> **TASK STATEMENT**
From the line with "#87=IFCINDEXEDPOLYGONALFACE((1,2,4,3));" through the line with "#99=IFCRELAGGREGATES('0000000000000000000012',$,$,$,#8,(#16));", repeat the entries verbatim, both end lines included, and add nothing.

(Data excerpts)
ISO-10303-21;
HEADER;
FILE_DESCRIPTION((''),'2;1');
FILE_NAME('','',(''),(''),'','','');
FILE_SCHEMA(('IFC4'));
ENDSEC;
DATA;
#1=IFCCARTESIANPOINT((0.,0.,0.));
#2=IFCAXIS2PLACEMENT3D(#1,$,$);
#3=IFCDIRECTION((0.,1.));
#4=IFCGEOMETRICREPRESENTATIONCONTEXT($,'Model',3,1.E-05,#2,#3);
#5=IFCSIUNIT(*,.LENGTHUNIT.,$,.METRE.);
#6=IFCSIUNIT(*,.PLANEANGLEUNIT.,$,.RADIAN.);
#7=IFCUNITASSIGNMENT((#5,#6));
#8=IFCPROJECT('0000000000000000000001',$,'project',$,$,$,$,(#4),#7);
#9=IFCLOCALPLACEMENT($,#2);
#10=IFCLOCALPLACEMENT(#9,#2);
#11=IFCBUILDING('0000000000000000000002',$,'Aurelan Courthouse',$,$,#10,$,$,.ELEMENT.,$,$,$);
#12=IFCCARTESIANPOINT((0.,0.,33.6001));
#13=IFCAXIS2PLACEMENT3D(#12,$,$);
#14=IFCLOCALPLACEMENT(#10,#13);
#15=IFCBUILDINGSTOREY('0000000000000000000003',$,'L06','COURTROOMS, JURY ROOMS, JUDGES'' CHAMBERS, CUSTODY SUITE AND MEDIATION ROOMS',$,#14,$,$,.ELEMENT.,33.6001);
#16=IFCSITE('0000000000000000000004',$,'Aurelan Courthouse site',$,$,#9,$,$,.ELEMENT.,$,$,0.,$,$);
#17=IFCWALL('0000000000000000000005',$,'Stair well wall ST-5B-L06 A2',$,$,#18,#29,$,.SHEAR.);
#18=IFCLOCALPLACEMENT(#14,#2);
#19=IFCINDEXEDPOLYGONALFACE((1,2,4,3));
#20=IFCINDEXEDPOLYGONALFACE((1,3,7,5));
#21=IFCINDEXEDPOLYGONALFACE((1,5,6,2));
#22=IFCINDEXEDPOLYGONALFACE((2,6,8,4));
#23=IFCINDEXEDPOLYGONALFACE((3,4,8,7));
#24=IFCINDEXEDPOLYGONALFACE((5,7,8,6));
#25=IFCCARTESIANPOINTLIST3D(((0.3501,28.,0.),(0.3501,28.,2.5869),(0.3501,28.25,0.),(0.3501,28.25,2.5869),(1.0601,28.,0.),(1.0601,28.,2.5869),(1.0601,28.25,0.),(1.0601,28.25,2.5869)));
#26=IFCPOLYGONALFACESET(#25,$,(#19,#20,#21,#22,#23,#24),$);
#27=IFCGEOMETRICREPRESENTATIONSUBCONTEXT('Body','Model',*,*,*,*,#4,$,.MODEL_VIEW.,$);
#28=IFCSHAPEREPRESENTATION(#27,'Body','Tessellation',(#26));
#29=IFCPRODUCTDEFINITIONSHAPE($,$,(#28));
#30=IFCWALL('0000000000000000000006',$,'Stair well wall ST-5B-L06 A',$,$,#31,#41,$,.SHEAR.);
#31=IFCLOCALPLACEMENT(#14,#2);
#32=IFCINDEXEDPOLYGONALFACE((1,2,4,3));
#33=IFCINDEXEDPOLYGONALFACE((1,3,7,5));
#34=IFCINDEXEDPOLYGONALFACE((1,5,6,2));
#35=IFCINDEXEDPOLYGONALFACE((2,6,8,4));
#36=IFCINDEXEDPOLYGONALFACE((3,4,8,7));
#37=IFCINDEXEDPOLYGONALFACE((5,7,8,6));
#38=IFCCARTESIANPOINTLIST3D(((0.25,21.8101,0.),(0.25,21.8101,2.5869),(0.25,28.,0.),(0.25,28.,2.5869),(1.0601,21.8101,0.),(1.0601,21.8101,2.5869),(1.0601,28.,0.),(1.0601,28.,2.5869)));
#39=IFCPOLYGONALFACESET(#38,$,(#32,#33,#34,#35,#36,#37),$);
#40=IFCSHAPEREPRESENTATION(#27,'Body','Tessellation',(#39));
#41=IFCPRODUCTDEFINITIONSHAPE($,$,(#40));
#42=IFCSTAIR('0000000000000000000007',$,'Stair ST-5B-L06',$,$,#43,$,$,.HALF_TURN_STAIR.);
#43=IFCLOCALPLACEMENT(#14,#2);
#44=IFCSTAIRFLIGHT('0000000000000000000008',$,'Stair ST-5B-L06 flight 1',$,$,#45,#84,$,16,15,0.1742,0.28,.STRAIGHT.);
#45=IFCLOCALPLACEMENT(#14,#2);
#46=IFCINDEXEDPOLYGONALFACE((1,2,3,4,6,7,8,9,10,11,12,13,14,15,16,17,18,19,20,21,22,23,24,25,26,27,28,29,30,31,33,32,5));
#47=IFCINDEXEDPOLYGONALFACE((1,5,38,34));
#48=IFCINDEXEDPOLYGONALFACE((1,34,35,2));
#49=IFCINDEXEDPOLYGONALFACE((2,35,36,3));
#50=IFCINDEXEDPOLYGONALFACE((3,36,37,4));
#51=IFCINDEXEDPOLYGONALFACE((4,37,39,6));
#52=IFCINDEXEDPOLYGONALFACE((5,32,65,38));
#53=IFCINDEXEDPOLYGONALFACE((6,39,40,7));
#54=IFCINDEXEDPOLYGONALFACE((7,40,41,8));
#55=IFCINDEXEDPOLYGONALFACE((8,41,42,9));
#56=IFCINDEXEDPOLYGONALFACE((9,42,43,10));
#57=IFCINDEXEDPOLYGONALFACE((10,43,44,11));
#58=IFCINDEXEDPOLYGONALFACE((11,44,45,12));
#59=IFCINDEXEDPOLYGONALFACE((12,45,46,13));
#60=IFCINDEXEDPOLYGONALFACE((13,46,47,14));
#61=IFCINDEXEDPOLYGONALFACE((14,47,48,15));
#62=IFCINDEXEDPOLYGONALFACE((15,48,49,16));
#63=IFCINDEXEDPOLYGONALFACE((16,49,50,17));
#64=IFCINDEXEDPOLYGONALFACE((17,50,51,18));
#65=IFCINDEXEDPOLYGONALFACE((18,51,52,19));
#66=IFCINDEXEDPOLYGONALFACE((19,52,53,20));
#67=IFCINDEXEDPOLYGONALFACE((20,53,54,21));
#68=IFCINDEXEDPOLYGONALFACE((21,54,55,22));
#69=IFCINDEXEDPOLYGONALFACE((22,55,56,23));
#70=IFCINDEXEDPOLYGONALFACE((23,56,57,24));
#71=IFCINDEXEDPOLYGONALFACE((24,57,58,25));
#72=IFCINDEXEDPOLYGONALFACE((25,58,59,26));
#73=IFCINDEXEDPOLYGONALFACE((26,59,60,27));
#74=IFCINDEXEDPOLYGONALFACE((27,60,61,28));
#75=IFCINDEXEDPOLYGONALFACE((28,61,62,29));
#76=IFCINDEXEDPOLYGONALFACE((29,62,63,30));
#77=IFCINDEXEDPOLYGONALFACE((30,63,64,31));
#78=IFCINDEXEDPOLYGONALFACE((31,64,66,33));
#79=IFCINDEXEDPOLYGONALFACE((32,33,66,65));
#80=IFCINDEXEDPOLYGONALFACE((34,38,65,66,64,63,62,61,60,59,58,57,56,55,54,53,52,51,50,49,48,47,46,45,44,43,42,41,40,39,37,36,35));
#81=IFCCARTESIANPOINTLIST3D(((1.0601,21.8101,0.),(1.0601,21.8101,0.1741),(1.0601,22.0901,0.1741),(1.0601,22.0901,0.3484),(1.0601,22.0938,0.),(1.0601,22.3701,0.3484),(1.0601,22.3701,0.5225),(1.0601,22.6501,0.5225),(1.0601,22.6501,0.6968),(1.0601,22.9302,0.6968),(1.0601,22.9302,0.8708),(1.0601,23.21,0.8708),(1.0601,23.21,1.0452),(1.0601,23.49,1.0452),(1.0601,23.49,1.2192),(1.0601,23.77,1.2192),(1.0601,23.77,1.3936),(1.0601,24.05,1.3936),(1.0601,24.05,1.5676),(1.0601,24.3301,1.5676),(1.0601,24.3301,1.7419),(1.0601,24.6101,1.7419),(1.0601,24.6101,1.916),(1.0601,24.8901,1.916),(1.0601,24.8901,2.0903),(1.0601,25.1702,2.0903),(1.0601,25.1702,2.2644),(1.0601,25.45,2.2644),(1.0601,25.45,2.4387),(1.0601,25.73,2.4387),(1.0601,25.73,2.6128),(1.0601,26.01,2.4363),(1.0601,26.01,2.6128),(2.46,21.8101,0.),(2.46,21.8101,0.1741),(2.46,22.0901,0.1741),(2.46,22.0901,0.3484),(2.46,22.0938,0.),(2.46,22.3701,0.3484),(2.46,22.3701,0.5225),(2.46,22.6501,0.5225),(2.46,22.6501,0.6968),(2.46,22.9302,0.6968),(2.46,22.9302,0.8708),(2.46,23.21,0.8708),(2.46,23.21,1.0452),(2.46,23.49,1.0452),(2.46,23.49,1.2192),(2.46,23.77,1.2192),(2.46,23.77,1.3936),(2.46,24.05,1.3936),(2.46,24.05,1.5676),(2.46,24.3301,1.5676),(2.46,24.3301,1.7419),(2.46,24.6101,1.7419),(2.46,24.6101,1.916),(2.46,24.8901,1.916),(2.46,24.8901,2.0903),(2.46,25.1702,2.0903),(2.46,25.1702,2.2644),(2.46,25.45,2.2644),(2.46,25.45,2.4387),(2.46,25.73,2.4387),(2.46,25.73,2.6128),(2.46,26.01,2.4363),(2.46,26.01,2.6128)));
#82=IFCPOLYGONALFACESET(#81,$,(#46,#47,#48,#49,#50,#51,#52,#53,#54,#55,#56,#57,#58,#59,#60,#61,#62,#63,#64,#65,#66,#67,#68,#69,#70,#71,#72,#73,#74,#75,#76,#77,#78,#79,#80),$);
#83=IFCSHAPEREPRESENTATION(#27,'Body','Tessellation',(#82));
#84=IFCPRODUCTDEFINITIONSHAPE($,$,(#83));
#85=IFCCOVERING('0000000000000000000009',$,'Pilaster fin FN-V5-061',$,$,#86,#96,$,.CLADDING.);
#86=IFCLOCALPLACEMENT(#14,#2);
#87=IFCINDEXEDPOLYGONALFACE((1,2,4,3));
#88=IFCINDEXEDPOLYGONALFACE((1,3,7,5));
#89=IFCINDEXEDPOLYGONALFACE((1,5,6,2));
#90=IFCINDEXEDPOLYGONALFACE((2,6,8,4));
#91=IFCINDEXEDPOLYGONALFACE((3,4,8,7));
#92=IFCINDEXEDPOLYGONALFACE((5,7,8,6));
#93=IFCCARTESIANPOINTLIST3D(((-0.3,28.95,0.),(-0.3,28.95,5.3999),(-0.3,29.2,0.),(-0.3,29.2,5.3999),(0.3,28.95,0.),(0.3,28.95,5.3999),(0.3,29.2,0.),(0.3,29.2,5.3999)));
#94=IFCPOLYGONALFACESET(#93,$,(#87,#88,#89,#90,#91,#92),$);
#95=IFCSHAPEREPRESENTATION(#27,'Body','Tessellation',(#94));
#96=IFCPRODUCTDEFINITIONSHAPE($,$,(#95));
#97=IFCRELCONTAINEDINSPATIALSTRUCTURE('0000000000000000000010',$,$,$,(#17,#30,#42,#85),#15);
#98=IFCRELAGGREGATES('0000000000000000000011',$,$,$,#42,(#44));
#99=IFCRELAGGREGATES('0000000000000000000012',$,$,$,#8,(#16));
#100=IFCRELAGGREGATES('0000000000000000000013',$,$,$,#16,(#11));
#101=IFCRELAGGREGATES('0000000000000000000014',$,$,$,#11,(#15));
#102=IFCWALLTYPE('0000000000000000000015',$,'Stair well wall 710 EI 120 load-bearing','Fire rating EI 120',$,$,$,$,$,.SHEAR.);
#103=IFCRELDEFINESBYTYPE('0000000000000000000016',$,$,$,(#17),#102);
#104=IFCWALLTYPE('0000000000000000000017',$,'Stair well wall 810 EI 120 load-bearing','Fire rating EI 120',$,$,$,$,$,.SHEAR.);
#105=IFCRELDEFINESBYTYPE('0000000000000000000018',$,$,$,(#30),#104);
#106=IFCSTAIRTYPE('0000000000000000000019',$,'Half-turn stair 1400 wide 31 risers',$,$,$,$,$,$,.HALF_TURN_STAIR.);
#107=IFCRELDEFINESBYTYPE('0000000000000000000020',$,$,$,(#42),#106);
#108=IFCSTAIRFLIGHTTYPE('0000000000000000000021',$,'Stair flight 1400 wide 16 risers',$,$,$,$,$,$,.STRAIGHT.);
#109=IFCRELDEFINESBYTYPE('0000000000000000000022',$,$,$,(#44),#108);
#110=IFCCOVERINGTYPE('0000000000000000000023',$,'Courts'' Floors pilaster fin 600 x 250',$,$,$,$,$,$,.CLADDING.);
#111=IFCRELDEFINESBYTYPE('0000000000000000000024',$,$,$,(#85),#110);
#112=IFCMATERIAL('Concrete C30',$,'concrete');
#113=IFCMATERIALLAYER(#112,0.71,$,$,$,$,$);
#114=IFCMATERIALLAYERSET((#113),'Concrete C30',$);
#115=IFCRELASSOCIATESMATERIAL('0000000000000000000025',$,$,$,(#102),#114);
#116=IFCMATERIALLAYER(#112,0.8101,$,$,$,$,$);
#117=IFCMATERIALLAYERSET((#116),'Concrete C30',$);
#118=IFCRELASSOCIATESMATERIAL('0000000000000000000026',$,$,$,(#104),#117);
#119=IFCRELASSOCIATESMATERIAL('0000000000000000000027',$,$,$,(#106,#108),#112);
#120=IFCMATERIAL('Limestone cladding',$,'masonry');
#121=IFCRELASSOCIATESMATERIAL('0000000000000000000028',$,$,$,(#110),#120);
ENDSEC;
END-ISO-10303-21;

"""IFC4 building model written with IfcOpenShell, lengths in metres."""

from ifc_helpers import new_model, si_unit, direction, frame, frame_2d, origin, origin_2d, place, context, subcontext, project, spatial, polyline, rectangle, outline, extrude, material, layer, layer_set, type_object, element, aggregate, save


model = new_model("IFC4")

# Units and contexts
model_context = context("Model", 3, precision=1e-05, world=origin(), true_north=direction((0.0, 1.0)))
body_context = subcontext(model_context, "Body", "Model", "MODEL_VIEW")
ifc_project = project(units=[si_unit("LENGTHUNIT", "METRE"), si_unit("PLANEANGLEUNIT", "RADIAN")], contexts=[model_context])

# Site, building, storey
site_placement = place(None, origin())
site = spatial("IfcSite", under=ifc_project, at=site_placement, Name="Aurelan Courthouse site", CompositionType="ELEMENT", RefElevation=0.0)
building_placement = place(site_placement, origin())
building = spatial("IfcBuilding", under=site, at=building_placement, Name="Aurelan Courthouse", CompositionType="ELEMENT")
storey_placement = place(building_placement, frame((0.0, 0.0, 33.6001)))
storey = spatial("IfcBuildingStorey", under=building, at=storey_placement, Name="L06", Description="COURTROOMS, JURY ROOMS, JUDGES' CHAMBERS, CUSTODY SUITE AND MEDIATION ROOMS", CompositionType="ELEMENT", Elevation=33.6001)

# Shared definitions
ifc_material_1 = material(Name="Limestone cladding", Category="masonry")
ifc_material_2 = material(Name="Concrete C30", Category="concrete")

# Walls
ifc_layer_1 = layer(ifc_material_2, 0.71)
ifc_layer_set_1 = layer_set([ifc_layer_1], Name="Concrete C30")
wall_type_1 = type_object("IfcWallType", Name="Stair well wall 710 EI 120 load-bearing", Description="Fire rating EI 120", PredefinedType="SHEAR", material=ifc_layer_set_1)
wall_1_placement = place(storey_placement, frame((0.7051, 28.0, 0.0), z_axis=(0.0, 0.0, 1.0), x_axis=(0.0, 1.0, 0.0)))
element("IfcWall", 1, at=wall_1_placement, inside=storey, type_object=wall_type_1, Name="Stair well wall ST-5B-L06 A2", PredefinedType="SHEAR", context=body_context, shape_type="SweptSolid", body=[
    extrude(rectangle(XDim=0.25, YDim=0.71, at=frame_2d((0.125, 0.0))), origin(), (0.0, 0.0, 1.0), 2.5869),
])
ifc_layer_2 = layer(ifc_material_2, 0.8101)
ifc_layer_set_2 = layer_set([ifc_layer_2], Name="Concrete C30")
wall_type_2 = type_object("IfcWallType", Name="Stair well wall 810 EI 120 load-bearing", Description="Fire rating EI 120", PredefinedType="SHEAR", material=ifc_layer_set_2)
wall_2_placement = place(storey_placement, frame((0.655, 21.8101, 0.0), z_axis=(0.0, 0.0, 1.0), x_axis=(0.0, 1.0, 0.0)))
element("IfcWall", 2, at=wall_2_placement, inside=storey, type_object=wall_type_2, Name="Stair well wall ST-5B-L06 A", PredefinedType="SHEAR", context=body_context, shape_type="SweptSolid", body=[
    extrude(rectangle(XDim=6.1899, YDim=0.8101, at=frame_2d((3.095, 0.0))), origin(), (0.0, 0.0, 1.0), 2.5869),
])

> **FINAL ANSWER**
#87=IFCINDEXEDPOLYGONALFACE((1,2,4,3));
#88=IFCINDEXEDPOLYGONALFACE((1,3,7,5));
#89=IFCINDEXEDPOLYGONALFACE((1,5,6,2));
#90=IFCINDEXEDPOLYGONALFACE((2,6,8,4));
#91=IFCINDEXEDPOLYGONALFACE((3,4,8,7));
#92=IFCINDEXEDPOLYGONALFACE((5,7,8,6));
#93=IFCCARTESIANPOINTLIST3D(((-0.3,28.95,0.),(-0.3,28.95,5.3999),(-0.3,29.2,0.),(-0.3,29.2,5.3999),(0.3,28.95,0.),(0.3,28.95,5.3999),(0.3,29.2,0.),(0.3,29.2,5.3999)));
#94=IFCPOLYGONALFACESET(#93,$,(#87,#88,#89,#90,#91,#92),$);
#95=IFCSHAPEREPRESENTATION(#27,'Body','Tessellation',(#94));
#96=IFCPRODUCTDEFINITIONSHAPE($,$,(#95));
#97=IFCRELCONTAINEDINSPATIALSTRUCTURE('0000000000000000000010',$,$,$,(#17,#30,#42,#85),#15);
#98=IFCRELAGGREGATES('0000000000000000000011',$,$,$,#42,(#44));
#99=IFCRELAGGREGATES('0000000000000000000012',$,$,$,#8,(#16));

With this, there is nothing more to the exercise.